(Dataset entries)
══════════════════════════════

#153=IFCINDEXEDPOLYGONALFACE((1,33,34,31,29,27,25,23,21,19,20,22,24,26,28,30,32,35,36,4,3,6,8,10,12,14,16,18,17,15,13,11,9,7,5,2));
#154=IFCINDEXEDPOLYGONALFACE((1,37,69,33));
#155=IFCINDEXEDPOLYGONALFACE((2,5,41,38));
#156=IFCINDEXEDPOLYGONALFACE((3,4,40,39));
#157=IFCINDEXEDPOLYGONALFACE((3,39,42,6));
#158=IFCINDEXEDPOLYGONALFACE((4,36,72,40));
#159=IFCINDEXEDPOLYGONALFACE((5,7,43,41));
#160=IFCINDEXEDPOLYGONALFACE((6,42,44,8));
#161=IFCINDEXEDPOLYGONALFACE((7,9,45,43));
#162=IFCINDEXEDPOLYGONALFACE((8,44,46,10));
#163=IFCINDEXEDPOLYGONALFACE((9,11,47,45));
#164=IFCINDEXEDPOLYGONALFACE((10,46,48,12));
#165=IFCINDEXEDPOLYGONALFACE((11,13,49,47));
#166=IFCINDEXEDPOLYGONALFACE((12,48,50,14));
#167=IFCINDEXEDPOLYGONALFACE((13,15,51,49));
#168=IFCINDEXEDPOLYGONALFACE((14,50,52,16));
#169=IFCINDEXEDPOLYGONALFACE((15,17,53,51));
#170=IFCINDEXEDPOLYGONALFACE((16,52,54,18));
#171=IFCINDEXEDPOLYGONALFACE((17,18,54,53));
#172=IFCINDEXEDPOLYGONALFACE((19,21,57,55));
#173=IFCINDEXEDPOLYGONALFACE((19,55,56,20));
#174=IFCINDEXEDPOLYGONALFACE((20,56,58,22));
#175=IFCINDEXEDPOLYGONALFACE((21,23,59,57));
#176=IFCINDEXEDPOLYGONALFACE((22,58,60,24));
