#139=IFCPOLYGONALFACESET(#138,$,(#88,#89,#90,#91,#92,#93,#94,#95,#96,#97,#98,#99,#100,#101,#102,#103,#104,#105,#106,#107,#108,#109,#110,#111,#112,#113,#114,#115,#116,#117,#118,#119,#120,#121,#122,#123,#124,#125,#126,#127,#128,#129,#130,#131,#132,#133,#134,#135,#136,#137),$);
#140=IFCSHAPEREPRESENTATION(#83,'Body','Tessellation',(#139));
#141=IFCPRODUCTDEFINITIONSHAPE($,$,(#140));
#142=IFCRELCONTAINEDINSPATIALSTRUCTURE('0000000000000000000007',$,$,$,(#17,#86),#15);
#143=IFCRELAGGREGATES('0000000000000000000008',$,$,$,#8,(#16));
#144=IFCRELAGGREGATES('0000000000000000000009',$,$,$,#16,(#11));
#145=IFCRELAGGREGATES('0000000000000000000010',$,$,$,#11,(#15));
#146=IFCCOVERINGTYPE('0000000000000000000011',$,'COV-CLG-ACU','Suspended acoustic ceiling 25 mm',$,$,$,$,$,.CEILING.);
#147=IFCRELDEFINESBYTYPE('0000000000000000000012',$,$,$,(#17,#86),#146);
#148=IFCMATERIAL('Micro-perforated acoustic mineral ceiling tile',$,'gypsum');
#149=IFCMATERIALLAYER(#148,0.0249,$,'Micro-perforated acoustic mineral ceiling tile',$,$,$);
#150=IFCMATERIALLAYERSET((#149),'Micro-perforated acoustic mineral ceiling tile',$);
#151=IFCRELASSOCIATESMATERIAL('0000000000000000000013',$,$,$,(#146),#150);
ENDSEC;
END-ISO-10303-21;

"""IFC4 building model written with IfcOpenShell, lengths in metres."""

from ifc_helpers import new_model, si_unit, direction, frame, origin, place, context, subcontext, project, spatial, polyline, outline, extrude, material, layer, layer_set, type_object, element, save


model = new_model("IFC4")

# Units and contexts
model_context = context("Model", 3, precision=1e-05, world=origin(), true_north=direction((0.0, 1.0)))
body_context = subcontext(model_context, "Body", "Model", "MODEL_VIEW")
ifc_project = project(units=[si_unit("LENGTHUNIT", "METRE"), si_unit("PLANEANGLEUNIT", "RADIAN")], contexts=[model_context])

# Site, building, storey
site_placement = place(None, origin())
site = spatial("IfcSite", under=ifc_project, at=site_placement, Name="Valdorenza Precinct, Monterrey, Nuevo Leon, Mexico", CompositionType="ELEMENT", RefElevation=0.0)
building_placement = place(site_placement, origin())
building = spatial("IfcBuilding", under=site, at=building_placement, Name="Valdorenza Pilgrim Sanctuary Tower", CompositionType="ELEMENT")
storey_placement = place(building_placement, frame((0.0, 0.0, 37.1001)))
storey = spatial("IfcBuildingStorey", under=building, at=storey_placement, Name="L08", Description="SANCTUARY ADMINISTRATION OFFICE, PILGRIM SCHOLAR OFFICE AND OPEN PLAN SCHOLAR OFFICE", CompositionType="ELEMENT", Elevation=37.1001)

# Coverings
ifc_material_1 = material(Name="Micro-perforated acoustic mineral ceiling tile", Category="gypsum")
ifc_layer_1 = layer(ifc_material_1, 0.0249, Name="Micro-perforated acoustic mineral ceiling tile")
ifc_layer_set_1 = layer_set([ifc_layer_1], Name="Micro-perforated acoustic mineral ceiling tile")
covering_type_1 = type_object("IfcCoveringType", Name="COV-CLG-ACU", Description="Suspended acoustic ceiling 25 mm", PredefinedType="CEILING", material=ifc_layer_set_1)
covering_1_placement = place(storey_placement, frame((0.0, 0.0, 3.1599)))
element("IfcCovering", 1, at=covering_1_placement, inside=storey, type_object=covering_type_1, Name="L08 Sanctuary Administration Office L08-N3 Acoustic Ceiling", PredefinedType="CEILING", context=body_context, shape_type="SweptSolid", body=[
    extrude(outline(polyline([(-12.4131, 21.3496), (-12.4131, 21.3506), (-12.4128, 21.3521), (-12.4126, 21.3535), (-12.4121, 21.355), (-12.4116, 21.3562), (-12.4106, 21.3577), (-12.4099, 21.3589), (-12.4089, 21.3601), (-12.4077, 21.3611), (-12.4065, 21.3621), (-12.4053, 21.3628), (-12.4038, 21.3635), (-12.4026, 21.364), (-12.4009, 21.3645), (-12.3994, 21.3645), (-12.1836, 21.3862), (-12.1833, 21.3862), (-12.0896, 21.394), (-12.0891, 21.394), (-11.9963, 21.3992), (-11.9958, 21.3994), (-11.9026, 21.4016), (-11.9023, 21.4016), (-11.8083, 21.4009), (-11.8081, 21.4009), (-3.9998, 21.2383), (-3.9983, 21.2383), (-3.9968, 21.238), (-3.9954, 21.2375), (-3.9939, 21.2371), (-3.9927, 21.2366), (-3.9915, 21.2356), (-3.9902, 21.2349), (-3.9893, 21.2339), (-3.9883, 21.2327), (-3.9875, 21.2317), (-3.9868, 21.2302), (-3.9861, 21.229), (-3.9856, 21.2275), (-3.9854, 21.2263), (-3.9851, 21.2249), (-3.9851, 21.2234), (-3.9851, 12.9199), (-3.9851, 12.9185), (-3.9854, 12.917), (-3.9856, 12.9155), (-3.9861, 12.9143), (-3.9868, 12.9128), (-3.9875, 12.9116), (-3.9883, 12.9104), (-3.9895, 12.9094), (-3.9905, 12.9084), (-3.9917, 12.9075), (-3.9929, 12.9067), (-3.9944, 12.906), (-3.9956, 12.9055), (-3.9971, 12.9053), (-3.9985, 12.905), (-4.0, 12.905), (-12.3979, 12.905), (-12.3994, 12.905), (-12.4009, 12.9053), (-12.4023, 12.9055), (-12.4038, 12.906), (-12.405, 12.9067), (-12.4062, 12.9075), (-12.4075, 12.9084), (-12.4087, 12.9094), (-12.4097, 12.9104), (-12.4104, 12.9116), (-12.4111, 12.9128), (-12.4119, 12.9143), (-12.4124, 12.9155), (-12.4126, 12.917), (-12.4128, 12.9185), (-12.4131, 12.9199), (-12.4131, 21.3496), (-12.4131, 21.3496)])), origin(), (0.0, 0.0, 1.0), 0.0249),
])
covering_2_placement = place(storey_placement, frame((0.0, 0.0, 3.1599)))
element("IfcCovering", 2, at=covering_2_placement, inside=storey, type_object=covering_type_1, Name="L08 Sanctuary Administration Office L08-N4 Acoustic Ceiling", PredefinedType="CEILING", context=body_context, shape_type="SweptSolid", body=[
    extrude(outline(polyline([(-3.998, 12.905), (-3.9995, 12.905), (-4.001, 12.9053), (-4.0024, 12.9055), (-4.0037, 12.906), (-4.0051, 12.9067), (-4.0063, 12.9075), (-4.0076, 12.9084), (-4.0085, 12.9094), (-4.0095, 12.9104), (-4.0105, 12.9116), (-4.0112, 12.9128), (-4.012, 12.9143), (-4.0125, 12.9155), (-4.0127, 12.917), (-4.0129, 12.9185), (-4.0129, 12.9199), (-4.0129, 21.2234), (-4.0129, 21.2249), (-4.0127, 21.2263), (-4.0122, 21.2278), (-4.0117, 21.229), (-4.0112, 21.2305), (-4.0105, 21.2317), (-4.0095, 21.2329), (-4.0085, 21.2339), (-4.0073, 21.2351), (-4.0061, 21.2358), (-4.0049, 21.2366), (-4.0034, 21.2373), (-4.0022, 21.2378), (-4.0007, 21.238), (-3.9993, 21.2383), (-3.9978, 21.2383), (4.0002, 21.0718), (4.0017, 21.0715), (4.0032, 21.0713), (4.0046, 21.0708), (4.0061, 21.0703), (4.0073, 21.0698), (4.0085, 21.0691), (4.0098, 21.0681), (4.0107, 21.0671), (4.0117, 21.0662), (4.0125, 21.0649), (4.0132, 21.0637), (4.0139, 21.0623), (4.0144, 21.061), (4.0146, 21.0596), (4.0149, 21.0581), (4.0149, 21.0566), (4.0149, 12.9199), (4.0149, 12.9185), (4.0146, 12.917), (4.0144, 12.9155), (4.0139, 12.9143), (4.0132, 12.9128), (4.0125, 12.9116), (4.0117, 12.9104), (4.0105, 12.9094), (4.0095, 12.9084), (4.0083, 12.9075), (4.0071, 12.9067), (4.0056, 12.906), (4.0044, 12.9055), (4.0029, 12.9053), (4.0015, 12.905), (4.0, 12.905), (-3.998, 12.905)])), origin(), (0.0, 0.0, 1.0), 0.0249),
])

══════════════════════════════

▶ TO DO
Among the entries above, locate the lines containing "#164=IFCINDEXEDPOLYGONALFACE((10,46,48,12));" and "mineral ceiling tile',$,$,$);", and transcribe exactly those two lines and all lines between.

▶ RESPONSE TO THIS EXERCISE
#164=IFCINDEXEDPOLYGONALFACE((10,46,48,12));
#165=IFCINDEXEDPOLYGONALFACE((11,13,49,47));
#166=IFCINDEXEDPOLYGONALFACE((12,48,50,14));
#167=IFCINDEXEDPOLYGONALFACE((13,15,51,49));
#168=IFCINDEXEDPOLYGONALFACE((14,50,52,16));
#169=IFCINDEXEDPOLYGONALFACE((15,17,53,51));
#170=IFCINDEXEDPOLYGONALFACE((16,52,54,18));
#171=IFCINDEXEDPOLYGONALFACE((17,18,54,53));
#172=IFCINDEXEDPOLYGONALFACE((19,21,57,55));
#173=IFCINDEXEDPOLYGONALFACE((19,55,56,20));
#174=IFCINDEXEDPOLYGONALFACE((20,56,58,22));
#175=IFCINDEXEDPOLYGONALFACE((21,23,59,57));
#176=IFCINDEXEDPOLYGONALFACE((22,58,60,24));
#139=IFCPOLYGONALFACESET(#138,$,(#88,#89,#90,#91,#92,#93,#94,#95,#96,#97,#98,#99,#100,#101,#102,#103,#104,#105,#106,#107,#108,#109,#110,#111,#112,#113,#114,#115,#116,#117,#118,#119,#120,#121,#122,#123,#124,#125,#126,#127,#128,#129,#130,#131,#132,#133,#134,#135,#136,#137),$);
#140=IFCSHAPEREPRESENTATION(#83,'Body','Tessellation',(#139));
#141=IFCPRODUCTDEFINITIONSHAPE($,$,(#140));
#142=IFCRELCONTAINEDINSPATIALSTRUCTURE('0000000000000000000007',$,$,$,(#17,#86),#15);
#143=IFCRELAGGREGATES('0000000000000000000008',$,$,$,#8,(#16));
#144=IFCRELAGGREGATES('0000000000000000000009',$,$,$,#16,(#11));
#145=IFCRELAGGREGATES('0000000000000000000010',$,$,$,#11,(#15));
#146=IFCCOVERINGTYPE('0000000000000000000011',$,'COV-CLG-ACU','Suspended acoustic ceiling 25 mm',$,$,$,$,$,.CEILING.);
#147=IFCRELDEFINESBYTYPE('0000000000000000000012',$,$,$,(#17,#86),#146);
#148=IFCMATERIAL('Micro-perforated acoustic mineral ceiling tile',$,'gypsum');
#149=IFCMATERIALLAYER(#148,0.0249,$,'Micro-perforated acoustic mineral ceiling tile',$,$,$);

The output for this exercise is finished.